• _Exercise prompt_
Please copy each line below that contains the word "IFCPRODUCTDEFINITIONSHAPE".

• _Extracted records_
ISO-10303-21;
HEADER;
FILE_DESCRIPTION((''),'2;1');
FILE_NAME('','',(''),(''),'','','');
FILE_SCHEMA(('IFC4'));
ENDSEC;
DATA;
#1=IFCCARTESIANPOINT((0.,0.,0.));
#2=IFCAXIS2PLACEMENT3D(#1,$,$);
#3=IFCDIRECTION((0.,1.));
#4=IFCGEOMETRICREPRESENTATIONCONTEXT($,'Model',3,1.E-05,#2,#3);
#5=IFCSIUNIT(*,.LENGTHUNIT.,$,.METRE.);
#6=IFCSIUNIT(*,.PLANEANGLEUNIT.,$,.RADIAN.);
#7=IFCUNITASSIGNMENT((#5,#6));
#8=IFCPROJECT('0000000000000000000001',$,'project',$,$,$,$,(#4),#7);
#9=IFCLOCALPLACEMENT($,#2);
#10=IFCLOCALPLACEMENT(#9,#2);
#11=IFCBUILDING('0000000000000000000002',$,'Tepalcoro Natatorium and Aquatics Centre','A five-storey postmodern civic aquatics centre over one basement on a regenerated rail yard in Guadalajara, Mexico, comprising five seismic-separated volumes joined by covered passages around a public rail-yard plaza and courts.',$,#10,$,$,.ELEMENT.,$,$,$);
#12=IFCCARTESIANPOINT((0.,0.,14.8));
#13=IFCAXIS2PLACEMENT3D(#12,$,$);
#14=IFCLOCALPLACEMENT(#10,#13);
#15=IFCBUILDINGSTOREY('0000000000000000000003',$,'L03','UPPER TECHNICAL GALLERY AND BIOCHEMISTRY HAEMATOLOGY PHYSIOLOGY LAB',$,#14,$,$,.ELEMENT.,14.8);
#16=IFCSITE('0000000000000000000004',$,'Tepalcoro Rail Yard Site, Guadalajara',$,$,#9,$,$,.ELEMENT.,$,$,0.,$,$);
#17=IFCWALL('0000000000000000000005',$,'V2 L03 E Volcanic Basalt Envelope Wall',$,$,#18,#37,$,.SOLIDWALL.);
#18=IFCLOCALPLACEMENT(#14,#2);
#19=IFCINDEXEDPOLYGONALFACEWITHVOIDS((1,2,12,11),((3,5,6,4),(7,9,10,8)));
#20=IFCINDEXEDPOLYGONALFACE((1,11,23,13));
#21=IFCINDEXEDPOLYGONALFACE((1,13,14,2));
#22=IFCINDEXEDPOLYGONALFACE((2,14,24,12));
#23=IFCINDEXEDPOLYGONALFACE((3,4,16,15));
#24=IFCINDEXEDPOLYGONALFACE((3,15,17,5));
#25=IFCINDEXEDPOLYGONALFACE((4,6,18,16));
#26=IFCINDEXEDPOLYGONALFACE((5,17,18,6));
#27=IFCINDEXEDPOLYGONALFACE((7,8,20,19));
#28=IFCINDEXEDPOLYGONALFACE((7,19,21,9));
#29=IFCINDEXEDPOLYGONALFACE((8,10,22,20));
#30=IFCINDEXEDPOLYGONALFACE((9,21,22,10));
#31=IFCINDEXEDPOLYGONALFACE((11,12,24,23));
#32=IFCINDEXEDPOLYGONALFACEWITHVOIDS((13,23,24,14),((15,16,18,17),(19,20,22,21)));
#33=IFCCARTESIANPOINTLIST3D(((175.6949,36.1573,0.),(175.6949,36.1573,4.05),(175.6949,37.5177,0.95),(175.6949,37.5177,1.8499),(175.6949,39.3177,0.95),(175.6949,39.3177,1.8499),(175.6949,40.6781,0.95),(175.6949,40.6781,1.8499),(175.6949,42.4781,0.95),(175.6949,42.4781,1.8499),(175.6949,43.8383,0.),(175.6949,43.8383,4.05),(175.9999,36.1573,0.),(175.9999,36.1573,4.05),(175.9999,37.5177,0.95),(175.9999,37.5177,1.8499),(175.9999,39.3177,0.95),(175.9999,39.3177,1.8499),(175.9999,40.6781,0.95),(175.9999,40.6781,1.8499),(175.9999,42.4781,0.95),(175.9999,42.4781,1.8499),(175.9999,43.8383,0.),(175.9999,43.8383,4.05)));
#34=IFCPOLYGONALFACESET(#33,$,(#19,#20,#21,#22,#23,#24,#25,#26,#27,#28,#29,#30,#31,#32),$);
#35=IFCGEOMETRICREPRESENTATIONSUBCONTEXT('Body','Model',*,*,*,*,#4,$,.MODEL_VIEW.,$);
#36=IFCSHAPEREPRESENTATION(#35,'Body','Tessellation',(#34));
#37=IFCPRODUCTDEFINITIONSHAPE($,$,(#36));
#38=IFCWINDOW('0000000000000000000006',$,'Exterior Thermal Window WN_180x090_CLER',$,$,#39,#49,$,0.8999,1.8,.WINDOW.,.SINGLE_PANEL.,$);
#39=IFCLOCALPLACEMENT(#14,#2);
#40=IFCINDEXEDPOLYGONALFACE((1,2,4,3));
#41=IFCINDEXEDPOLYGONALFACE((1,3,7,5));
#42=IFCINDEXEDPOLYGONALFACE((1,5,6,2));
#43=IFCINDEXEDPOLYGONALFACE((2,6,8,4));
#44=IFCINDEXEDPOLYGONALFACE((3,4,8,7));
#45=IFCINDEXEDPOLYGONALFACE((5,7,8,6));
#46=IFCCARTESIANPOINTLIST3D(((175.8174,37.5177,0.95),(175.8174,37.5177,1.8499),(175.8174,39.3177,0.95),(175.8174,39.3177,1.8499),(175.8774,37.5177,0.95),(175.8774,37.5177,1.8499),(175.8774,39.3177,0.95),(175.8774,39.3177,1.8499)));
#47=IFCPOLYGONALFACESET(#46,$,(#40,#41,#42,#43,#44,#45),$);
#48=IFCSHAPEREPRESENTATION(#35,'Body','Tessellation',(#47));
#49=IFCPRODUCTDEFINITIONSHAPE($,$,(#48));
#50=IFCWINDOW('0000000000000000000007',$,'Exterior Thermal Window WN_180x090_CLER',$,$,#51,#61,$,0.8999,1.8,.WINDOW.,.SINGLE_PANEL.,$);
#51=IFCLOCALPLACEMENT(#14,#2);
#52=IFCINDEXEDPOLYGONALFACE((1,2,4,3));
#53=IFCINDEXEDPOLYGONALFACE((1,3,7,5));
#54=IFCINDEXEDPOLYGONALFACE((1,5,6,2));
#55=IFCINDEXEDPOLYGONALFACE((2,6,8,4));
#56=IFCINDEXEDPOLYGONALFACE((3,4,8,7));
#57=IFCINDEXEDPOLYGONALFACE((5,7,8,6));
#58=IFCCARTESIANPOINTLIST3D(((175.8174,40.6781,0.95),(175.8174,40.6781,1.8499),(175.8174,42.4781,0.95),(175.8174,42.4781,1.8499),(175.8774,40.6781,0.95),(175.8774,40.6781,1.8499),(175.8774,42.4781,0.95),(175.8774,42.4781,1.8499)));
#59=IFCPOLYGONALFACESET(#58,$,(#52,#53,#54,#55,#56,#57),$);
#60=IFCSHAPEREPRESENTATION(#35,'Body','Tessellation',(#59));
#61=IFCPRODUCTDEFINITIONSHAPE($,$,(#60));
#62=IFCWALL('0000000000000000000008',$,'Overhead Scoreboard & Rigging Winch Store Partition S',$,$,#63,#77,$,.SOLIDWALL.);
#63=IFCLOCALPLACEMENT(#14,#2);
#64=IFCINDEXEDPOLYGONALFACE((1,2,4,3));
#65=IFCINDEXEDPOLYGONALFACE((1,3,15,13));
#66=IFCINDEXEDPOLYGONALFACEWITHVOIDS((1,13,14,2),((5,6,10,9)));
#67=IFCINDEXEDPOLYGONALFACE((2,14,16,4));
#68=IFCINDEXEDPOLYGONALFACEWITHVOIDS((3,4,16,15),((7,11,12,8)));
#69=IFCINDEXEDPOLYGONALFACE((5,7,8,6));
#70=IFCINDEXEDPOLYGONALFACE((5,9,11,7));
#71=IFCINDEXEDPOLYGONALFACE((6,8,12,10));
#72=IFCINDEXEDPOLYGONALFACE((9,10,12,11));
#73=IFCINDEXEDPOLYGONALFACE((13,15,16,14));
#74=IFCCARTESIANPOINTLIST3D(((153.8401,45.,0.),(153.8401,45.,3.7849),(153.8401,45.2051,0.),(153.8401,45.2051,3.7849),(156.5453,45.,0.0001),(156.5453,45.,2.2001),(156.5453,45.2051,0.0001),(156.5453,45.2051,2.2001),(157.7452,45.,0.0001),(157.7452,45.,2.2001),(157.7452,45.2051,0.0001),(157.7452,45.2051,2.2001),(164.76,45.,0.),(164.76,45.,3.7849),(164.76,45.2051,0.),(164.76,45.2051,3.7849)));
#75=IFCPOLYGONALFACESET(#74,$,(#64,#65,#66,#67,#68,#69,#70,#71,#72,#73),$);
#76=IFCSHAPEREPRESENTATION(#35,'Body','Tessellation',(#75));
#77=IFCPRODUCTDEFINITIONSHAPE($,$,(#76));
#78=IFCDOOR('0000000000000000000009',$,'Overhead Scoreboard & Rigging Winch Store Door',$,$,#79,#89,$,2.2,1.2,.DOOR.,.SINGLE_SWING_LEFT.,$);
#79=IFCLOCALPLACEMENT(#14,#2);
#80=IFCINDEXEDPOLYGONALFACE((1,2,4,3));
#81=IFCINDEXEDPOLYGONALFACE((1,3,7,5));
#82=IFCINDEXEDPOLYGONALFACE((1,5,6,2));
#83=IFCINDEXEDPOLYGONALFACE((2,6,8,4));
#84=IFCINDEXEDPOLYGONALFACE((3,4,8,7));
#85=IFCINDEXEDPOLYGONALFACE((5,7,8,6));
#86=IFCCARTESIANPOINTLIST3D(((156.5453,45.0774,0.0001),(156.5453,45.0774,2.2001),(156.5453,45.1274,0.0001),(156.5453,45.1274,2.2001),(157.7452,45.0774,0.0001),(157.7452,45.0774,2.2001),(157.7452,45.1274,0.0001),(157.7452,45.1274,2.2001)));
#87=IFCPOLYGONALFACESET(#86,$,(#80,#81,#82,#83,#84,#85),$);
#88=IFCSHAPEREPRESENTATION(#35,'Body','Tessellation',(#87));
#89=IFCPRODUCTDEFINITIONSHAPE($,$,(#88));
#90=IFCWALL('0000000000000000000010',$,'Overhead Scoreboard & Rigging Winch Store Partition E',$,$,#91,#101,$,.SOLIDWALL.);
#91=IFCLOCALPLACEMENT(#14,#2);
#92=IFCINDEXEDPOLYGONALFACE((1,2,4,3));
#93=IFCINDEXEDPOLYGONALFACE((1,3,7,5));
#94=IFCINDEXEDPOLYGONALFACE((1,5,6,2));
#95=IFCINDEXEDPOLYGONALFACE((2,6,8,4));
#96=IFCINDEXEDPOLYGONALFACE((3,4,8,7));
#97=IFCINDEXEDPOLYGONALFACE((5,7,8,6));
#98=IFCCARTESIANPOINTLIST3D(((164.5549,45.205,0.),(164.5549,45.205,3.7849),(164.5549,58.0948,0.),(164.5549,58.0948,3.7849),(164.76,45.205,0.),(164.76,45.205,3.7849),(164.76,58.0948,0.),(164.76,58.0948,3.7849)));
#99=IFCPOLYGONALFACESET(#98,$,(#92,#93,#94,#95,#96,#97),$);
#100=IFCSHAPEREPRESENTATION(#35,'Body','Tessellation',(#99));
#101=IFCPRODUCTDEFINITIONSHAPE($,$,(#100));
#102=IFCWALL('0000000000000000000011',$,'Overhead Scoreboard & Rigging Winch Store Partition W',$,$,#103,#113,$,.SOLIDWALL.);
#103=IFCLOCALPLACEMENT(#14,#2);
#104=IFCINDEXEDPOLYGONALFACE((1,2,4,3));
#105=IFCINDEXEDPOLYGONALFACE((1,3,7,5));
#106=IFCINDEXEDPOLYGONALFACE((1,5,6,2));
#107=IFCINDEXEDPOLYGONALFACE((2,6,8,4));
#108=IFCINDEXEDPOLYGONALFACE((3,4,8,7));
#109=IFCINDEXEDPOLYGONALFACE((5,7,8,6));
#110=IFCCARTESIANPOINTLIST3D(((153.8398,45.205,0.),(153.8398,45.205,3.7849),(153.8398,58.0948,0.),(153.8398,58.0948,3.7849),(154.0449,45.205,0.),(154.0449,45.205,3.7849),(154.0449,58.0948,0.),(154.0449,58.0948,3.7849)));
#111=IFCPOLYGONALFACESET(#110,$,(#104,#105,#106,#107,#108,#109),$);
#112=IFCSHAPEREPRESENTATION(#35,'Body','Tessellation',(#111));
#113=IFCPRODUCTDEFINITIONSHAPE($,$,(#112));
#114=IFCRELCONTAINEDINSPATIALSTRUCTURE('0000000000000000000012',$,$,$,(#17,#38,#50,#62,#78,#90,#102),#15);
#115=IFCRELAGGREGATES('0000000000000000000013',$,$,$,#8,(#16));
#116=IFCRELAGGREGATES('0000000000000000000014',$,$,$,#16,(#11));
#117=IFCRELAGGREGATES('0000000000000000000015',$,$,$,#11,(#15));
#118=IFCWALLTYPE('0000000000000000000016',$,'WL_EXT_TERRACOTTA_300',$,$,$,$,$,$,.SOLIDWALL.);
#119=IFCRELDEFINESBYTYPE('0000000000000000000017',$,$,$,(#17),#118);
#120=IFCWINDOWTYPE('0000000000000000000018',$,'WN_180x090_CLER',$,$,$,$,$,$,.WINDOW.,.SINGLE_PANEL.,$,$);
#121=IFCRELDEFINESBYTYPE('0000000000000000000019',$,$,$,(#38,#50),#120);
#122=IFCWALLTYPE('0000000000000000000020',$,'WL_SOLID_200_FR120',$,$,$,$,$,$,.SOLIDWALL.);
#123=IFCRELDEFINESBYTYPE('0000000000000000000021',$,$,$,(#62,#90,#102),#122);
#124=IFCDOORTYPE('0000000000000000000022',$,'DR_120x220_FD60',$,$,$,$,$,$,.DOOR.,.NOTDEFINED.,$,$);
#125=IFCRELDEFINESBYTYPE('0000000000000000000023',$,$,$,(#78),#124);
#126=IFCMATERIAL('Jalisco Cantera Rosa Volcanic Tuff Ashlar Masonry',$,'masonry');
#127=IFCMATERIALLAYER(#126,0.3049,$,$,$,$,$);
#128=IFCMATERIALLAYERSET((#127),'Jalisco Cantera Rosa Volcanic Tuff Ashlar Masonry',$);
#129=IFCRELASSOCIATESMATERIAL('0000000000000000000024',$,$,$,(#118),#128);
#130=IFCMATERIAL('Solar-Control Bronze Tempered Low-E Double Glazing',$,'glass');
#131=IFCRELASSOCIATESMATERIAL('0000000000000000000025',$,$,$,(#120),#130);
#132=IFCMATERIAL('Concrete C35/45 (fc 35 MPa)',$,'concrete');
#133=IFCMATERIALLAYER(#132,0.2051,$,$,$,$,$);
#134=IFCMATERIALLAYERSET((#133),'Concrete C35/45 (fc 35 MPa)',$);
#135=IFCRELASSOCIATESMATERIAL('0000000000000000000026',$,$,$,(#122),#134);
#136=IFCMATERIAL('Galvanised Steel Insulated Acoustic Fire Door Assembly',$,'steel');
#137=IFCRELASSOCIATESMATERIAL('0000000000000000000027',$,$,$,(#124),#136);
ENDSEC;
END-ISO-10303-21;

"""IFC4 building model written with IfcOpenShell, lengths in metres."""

from ifc_helpers import new_model, si_unit, direction, frame, frame_2d, origin, place, context, subcontext, project, spatial, rectangle, extrude, material, layer, layer_set, type_object, element, fill, save


model = new_model("IFC4")

# Units and contexts
model_context = context("Model", 3, precision=1e-05, world=origin(), true_north=direction((0.0, 1.0)))
body_context = subcontext(model_context, "Body", "Model", "MODEL_VIEW")
ifc_project = project(units=[si_unit("LENGTHUNIT", "METRE"), si_unit("PLANEANGLEUNIT", "RADIAN")], contexts=[model_context])

# Site, building, storey
site_placement = place(None, origin())
site = spatial("IfcSite", under=ifc_project, at=site_placement, Name="Tepalcoro Rail Yard Site, Guadalajara", CompositionType="ELEMENT", RefElevation=0.0)
building_placement = place(site_placement, origin())
building = spatial("IfcBuilding", under=site, at=building_placement, Name="Tepalcoro Natatorium and Aquatics Centre", Description="A five-storey postmodern civic aquatics centre over one basement on a regenerated rail yard in Guadalajara, Mexico, comprising five seismic-separated volumes joined by covered passages around a public rail-yard plaza and courts.", CompositionType="ELEMENT")
storey_placement = place(building_placement, frame((0.0, 0.0, 14.8)))
storey = spatial("IfcBuildingStorey", under=building, at=storey_placement, Name="L03", Description="UPPER TECHNICAL GALLERY AND BIOCHEMISTRY HAEMATOLOGY PHYSIOLOGY LAB", CompositionType="ELEMENT", Elevation=14.8)

# Shared definitions
ifc_material_1 = material(Name="Solar-Control Bronze Tempered Low-E Double Glazing", Category="glass")
ifc_material_2 = material(Name="Jalisco Cantera Rosa Volcanic Tuff Ashlar Masonry", Category="masonry")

• _Reply_
#37=IFCPRODUCTDEFINITIONSHAPE($,$,(#36));
#49=IFCPRODUCTDEFINITIONSHAPE($,$,(#48));
#61=IFCPRODUCTDEFINITIONSHAPE($,$,(#60));
#77=IFCPRODUCTDEFINITIONSHAPE($,$,(#76));
#89=IFCPRODUCTDEFINITIONSHAPE($,$,(#88));
#101=IFCPRODUCTDEFINITIONSHAPE($,$,(#100));
#113=IFCPRODUCTDEFINITIONSHAPE($,$,(#112));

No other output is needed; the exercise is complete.